### Source data:

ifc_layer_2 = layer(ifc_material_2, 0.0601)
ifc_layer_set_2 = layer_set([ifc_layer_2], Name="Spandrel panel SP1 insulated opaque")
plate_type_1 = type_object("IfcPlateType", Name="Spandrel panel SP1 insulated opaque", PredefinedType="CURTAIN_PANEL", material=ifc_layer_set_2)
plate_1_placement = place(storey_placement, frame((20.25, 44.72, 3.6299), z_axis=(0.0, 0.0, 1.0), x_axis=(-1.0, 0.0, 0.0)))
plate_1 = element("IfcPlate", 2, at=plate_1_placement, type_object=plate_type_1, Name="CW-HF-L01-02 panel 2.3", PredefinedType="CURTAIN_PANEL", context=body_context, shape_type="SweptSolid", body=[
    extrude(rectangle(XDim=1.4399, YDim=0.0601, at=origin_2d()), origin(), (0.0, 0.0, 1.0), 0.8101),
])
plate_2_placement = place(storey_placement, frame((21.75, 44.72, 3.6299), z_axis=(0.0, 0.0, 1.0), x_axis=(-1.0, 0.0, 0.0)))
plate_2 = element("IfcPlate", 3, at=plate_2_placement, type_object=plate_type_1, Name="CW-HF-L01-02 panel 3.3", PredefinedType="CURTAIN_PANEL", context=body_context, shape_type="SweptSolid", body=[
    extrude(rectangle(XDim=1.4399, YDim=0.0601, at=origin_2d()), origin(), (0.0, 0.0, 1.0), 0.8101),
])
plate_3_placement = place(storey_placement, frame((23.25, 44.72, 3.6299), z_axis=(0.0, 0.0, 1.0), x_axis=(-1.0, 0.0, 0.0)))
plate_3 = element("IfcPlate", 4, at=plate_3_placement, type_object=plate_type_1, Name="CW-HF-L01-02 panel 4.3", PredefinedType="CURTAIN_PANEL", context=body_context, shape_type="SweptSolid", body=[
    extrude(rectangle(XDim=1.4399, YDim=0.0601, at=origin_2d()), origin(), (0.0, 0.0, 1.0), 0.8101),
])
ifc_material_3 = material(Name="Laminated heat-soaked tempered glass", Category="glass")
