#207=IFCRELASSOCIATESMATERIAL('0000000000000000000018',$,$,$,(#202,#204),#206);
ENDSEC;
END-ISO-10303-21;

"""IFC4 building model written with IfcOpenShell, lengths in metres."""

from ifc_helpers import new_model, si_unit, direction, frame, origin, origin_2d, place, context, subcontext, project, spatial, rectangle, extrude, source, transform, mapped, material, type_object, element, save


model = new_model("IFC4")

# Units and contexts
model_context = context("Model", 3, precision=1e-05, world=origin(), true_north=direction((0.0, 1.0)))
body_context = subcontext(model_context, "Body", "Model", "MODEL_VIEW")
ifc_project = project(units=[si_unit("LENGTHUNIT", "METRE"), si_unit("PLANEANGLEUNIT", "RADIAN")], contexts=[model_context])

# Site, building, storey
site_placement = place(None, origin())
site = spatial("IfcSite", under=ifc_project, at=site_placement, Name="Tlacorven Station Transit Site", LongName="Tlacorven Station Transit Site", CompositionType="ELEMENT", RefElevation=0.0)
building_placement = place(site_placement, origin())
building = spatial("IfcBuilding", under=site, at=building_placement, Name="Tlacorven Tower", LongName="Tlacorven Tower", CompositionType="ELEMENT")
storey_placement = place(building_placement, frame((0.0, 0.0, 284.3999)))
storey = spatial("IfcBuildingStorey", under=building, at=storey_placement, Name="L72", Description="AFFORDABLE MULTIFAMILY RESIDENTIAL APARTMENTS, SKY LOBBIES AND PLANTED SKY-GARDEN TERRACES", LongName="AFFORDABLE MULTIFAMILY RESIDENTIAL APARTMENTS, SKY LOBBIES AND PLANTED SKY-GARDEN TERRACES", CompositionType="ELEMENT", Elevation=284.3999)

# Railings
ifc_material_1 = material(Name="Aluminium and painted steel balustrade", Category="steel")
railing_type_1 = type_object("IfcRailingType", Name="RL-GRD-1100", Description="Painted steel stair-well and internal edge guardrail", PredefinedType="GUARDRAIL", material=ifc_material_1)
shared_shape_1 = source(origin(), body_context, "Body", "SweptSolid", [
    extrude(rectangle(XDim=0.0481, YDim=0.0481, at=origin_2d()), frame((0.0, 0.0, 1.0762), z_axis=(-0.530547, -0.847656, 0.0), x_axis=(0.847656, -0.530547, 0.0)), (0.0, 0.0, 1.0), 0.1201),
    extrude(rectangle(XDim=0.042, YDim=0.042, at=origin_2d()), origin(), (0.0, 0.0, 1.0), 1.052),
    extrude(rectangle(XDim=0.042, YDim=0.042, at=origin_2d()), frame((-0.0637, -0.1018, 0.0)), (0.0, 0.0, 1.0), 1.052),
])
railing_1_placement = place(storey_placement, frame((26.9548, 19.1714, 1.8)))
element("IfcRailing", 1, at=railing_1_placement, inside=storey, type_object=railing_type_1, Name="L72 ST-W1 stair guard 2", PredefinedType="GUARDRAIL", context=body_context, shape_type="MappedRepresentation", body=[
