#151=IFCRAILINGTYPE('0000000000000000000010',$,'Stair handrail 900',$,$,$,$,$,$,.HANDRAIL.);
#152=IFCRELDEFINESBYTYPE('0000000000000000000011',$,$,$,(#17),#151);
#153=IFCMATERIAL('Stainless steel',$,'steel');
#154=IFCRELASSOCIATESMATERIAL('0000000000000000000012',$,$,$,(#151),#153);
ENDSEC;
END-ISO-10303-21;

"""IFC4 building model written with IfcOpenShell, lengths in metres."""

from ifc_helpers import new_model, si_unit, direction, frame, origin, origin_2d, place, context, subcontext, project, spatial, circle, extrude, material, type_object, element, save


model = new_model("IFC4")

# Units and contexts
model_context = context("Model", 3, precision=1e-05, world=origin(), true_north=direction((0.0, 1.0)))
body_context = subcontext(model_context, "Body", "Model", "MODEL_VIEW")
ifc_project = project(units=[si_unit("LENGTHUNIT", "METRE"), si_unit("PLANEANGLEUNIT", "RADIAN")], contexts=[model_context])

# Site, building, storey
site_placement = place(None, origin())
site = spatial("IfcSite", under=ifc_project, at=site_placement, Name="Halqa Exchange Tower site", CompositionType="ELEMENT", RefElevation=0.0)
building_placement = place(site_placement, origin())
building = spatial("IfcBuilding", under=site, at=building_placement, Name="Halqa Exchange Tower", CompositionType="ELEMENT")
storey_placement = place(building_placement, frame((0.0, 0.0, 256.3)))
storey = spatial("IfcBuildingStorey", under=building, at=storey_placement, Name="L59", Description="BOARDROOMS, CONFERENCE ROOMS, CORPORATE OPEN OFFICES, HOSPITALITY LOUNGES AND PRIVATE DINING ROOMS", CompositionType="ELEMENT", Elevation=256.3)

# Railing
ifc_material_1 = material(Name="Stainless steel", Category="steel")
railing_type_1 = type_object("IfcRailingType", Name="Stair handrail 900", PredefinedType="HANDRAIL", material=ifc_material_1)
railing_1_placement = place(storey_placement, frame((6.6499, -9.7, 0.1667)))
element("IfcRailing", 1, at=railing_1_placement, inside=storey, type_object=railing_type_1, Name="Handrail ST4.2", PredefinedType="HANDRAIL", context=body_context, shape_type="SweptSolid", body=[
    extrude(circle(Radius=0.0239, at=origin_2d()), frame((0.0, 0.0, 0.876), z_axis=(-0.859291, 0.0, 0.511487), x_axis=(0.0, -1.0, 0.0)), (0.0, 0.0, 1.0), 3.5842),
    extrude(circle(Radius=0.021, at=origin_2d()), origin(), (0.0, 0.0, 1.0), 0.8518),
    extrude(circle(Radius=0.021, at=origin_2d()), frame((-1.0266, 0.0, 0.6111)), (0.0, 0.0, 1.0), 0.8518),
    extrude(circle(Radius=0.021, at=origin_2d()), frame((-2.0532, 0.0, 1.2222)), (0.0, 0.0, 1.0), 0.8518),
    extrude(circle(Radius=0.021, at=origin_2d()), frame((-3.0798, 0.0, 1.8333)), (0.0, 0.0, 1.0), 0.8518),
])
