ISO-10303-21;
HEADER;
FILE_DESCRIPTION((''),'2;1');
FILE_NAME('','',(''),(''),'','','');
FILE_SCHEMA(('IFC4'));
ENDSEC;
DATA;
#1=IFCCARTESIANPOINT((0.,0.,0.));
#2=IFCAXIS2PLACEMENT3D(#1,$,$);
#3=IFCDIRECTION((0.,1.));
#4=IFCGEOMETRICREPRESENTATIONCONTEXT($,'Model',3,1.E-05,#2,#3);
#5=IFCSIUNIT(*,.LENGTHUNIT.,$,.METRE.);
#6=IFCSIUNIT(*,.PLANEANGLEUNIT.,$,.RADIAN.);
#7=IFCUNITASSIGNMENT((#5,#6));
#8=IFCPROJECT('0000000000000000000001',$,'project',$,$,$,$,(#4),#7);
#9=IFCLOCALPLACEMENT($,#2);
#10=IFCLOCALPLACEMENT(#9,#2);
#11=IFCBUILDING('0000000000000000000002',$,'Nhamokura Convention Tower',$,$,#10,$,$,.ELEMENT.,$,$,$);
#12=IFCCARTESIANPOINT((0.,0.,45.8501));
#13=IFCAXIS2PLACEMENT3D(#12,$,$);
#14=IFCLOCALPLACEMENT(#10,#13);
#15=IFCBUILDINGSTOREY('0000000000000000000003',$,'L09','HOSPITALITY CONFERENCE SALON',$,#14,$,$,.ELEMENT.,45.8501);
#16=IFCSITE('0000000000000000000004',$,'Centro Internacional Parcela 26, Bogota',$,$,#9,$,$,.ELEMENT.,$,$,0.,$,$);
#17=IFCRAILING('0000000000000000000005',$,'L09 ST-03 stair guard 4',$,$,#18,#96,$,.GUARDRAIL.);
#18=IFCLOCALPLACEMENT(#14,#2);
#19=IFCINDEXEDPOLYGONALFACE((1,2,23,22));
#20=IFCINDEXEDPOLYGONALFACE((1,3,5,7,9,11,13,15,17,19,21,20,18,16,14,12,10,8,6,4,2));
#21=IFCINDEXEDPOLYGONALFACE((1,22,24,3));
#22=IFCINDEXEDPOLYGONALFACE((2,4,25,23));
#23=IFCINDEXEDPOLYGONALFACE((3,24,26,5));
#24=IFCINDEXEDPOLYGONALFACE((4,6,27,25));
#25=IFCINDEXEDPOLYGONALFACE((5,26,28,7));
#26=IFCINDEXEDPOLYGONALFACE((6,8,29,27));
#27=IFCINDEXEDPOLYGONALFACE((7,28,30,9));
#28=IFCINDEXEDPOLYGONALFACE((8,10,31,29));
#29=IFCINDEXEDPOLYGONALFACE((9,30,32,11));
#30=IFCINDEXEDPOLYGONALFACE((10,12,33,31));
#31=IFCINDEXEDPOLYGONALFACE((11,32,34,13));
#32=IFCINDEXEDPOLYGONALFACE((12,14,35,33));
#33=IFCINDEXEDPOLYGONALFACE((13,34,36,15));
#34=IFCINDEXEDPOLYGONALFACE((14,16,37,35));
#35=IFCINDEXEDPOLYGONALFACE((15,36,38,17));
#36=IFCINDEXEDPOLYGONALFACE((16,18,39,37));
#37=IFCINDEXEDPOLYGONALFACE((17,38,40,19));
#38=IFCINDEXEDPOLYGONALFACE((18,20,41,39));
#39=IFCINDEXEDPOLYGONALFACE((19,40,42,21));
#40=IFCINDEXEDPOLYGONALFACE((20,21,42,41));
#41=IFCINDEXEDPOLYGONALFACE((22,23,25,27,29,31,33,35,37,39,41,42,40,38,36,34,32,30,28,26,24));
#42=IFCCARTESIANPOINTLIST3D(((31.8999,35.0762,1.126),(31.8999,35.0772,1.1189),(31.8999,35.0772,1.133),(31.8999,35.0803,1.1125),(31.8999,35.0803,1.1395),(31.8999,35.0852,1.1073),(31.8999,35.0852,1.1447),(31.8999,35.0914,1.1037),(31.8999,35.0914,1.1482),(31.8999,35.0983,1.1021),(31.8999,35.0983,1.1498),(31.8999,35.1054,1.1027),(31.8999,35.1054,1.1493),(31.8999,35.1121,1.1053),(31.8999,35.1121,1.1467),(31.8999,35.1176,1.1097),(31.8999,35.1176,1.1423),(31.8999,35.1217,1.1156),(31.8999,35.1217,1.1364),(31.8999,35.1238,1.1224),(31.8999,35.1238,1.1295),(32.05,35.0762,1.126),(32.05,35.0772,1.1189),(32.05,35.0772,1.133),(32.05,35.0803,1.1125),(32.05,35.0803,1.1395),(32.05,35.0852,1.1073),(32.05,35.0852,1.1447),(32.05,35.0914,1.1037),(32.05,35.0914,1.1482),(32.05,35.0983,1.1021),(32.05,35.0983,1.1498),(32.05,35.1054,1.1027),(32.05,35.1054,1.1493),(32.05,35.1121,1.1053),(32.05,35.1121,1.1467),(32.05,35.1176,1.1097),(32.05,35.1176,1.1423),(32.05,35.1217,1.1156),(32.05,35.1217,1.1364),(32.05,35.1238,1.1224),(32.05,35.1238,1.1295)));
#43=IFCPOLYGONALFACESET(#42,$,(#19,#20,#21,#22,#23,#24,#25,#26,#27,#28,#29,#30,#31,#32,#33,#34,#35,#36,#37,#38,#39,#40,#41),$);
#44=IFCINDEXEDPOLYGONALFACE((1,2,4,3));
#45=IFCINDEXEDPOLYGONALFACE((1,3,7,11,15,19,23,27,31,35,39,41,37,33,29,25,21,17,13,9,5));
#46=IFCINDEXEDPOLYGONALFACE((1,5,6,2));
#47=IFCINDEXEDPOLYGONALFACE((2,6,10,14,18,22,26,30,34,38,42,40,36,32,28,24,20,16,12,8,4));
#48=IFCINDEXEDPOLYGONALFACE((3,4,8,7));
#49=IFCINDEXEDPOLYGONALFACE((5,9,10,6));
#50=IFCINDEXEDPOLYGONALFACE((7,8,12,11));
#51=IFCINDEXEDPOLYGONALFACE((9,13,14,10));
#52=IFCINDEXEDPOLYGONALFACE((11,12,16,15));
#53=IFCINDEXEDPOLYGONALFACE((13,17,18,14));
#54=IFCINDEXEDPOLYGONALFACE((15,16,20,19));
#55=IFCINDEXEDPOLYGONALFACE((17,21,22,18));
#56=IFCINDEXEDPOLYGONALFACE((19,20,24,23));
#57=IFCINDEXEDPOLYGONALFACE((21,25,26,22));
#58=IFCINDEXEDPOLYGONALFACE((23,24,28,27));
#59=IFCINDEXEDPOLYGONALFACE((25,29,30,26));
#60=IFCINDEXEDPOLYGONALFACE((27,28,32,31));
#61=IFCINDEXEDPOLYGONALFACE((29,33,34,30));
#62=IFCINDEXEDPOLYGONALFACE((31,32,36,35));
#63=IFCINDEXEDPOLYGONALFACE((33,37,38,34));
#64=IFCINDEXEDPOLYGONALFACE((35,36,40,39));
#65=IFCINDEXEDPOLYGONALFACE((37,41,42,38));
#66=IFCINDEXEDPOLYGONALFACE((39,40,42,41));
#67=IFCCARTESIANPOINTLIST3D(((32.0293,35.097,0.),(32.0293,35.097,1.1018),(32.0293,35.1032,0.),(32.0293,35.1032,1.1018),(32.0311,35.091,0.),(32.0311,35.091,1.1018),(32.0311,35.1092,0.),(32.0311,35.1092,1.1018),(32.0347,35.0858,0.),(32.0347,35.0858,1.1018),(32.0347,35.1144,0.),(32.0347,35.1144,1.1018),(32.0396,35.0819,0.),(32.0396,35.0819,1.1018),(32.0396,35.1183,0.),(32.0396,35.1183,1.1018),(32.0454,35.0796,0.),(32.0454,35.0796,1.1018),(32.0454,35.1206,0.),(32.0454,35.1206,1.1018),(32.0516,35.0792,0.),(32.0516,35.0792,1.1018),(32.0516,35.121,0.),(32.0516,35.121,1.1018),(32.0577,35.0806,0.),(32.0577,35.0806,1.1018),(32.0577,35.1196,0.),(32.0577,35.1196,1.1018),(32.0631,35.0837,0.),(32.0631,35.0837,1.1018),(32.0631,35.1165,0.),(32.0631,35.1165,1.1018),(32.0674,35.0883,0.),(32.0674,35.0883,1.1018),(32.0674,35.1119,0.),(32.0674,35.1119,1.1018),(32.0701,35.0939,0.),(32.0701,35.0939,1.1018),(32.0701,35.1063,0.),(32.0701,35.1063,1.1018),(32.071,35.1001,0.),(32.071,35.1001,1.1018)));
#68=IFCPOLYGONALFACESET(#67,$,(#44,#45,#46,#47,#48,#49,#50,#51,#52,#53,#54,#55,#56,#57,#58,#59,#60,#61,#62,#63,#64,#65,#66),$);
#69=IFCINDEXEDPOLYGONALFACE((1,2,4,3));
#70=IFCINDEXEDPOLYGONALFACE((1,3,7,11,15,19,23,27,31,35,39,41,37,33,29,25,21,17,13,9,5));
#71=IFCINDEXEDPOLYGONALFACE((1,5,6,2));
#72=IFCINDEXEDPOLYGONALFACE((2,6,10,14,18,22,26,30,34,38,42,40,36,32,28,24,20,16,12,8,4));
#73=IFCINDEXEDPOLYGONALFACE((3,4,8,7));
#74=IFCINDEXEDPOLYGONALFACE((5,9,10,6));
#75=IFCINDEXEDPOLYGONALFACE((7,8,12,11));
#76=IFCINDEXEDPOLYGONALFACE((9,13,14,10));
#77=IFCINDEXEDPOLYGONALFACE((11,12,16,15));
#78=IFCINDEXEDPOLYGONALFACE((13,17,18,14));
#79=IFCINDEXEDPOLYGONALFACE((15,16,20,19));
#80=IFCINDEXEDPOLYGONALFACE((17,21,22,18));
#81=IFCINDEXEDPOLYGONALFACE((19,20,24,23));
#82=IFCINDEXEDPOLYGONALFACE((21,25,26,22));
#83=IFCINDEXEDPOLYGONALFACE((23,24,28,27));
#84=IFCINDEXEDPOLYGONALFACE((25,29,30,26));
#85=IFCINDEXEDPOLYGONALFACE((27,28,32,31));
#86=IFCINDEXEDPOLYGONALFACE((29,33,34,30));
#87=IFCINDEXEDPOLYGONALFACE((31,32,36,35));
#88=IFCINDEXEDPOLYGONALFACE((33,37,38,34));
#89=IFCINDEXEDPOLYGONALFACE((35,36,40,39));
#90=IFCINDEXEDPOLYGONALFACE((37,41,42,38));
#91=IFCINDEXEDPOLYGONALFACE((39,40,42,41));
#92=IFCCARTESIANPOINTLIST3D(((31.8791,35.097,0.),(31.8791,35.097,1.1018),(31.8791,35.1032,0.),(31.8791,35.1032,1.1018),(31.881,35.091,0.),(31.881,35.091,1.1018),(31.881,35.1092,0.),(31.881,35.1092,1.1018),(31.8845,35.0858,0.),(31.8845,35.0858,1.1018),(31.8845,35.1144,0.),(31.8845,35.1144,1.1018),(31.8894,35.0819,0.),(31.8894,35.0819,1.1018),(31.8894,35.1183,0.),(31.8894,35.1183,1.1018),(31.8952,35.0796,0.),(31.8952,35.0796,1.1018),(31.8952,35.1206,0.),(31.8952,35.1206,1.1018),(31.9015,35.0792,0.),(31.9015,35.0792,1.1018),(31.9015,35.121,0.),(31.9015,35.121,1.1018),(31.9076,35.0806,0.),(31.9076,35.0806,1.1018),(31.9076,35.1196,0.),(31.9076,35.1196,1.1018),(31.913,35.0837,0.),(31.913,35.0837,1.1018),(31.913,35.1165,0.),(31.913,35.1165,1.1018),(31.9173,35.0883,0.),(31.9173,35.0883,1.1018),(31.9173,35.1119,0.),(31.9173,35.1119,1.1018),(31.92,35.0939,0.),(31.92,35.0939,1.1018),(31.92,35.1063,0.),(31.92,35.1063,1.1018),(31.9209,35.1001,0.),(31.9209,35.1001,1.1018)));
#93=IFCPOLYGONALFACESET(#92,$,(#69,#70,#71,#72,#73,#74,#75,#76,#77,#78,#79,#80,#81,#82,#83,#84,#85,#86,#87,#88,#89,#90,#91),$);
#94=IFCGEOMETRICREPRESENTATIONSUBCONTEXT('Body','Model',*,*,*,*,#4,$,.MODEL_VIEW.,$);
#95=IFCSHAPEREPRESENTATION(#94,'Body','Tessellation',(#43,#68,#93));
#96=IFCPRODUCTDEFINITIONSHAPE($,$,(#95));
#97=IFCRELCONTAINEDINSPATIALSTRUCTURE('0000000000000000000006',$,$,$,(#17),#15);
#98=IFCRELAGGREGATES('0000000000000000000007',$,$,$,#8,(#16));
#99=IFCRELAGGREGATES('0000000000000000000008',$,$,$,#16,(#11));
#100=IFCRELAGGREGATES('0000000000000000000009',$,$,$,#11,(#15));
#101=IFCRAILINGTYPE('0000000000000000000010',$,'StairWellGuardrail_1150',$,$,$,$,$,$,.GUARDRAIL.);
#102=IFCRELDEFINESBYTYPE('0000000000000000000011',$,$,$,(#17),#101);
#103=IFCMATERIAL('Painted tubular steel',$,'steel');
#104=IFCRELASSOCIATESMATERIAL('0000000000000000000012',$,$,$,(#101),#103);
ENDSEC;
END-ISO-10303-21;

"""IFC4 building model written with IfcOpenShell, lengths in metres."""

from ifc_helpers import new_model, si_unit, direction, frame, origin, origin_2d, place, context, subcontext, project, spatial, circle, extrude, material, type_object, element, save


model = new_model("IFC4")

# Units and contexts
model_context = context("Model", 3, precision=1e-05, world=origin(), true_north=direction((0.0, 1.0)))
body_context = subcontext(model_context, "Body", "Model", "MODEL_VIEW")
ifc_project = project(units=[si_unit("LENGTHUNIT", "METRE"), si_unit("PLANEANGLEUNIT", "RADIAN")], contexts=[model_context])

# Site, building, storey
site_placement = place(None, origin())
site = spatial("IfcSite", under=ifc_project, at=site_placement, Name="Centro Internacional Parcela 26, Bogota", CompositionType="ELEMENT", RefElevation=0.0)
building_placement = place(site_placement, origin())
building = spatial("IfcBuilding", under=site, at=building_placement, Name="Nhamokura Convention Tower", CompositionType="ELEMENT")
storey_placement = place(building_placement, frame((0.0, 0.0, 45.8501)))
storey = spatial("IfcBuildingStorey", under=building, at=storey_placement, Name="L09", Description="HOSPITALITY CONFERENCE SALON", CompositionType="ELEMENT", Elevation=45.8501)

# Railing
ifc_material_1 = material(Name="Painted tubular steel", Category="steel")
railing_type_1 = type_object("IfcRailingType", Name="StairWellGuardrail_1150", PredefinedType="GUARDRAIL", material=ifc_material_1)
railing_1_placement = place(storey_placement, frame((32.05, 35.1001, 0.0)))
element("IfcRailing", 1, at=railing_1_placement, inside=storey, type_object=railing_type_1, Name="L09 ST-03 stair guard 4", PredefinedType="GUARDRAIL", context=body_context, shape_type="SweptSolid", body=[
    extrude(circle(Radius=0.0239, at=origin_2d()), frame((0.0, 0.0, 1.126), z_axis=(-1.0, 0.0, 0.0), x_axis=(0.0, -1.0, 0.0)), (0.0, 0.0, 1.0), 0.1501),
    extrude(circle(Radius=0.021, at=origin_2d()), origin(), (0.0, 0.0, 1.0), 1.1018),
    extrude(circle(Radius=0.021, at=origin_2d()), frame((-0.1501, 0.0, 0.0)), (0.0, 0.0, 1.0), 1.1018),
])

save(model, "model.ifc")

...

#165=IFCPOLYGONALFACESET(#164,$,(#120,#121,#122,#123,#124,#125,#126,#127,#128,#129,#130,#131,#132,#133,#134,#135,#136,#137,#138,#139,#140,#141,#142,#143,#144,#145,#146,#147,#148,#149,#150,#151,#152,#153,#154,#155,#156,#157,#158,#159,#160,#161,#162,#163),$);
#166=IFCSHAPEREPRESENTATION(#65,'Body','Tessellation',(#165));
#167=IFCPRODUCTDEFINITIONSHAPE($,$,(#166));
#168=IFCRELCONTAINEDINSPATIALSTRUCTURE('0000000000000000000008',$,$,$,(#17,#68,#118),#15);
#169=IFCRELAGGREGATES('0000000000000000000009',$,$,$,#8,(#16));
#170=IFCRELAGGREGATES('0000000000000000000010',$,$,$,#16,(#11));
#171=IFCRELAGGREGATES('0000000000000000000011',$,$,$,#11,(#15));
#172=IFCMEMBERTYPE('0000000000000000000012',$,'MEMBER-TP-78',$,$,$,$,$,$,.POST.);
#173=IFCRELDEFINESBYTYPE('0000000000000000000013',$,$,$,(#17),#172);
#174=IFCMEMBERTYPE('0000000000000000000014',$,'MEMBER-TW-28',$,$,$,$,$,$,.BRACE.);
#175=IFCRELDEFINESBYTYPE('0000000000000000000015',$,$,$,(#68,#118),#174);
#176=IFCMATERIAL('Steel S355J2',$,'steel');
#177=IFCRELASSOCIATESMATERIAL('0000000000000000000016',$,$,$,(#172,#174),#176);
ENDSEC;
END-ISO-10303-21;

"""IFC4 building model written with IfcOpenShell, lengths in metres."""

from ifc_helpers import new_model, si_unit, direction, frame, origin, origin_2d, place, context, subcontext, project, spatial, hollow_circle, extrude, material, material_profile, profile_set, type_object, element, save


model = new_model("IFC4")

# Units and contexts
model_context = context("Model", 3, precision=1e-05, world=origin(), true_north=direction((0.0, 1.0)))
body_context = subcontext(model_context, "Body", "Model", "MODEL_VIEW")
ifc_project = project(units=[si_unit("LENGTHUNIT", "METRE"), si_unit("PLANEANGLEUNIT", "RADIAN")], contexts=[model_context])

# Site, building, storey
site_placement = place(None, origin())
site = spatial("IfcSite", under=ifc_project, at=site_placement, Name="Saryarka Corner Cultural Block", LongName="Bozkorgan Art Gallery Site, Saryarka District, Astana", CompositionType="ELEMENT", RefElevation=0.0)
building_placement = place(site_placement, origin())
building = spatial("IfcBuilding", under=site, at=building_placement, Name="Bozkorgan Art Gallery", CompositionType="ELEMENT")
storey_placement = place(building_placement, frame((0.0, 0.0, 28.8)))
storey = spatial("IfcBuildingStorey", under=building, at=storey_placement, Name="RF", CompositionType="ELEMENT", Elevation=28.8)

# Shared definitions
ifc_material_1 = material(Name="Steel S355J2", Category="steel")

### Exercise prompt:
Please, from the material above, copy only the lines from the line with "#62=IFCINDEXEDPOLYGONALFACE((31,32,36,35));" up to and including the line with "#71=IFCINDEXEDPOLYGONALFACE((1,5,6,2));", exactly as written.

### Response for this exercise:
#62=IFCINDEXEDPOLYGONALFACE((31,32,36,35));
#63=IFCINDEXEDPOLYGONALFACE((33,37,38,34));
#64=IFCINDEXEDPOLYGONALFACE((35,36,40,39));
#65=IFCINDEXEDPOLYGONALFACE((37,41,42,38));
#66=IFCINDEXEDPOLYGONALFACE((39,40,42,41));
#67=IFCCARTESIANPOINTLIST3D(((32.0293,35.097,0.),(32.0293,35.097,1.1018),(32.0293,35.1032,0.),(32.0293,35.1032,1.1018),(32.0311,35.091,0.),(32.0311,35.091,1.1018),(32.0311,35.1092,0.),(32.0311,35.1092,1.1018),(32.0347,35.0858,0.),(32.0347,35.0858,1.1018),(32.0347,35.1144,0.),(32.0347,35.1144,1.1018),(32.0396,35.0819,0.),(32.0396,35.0819,1.1018),(32.0396,35.1183,0.),(32.0396,35.1183,1.1018),(32.0454,35.0796,0.),(32.0454,35.0796,1.1018),(32.0454,35.1206,0.),(32.0454,35.1206,1.1018),(32.0516,35.0792,0.),(32.0516,35.0792,1.1018),(32.0516,35.121,0.),(32.0516,35.121,1.1018),(32.0577,35.0806,0.),(32.0577,35.0806,1.1018),(32.0577,35.1196,0.),(32.0577,35.1196,1.1018),(32.0631,35.0837,0.),(32.0631,35.0837,1.1018),(32.0631,35.1165,0.),(32.0631,35.1165,1.1018),(32.0674,35.0883,0.),(32.0674,35.0883,1.1018),(32.0674,35.1119,0.),(32.0674,35.1119,1.1018),(32.0701,35.0939,0.),(32.0701,35.0939,1.1018),(32.0701,35.1063,0.),(32.0701,35.1063,1.1018),(32.071,35.1001,0.),(32.071,35.1001,1.1018)));
#68=IFCPOLYGONALFACESET(#67,$,(#44,#45,#46,#47,#48,#49,#50,#51,#52,#53,#54,#55,#56,#57,#58,#59,#60,#61,#62,#63,#64,#65,#66),$);
#69=IFCINDEXEDPOLYGONALFACE((1,2,4,3));
#70=IFCINDEXEDPOLYGONALFACE((1,3,7,11,15,19,23,27,31,35,39,41,37,33,29,25,21,17,13,9,5));
#71=IFCINDEXEDPOLYGONALFACE((1,5,6,2));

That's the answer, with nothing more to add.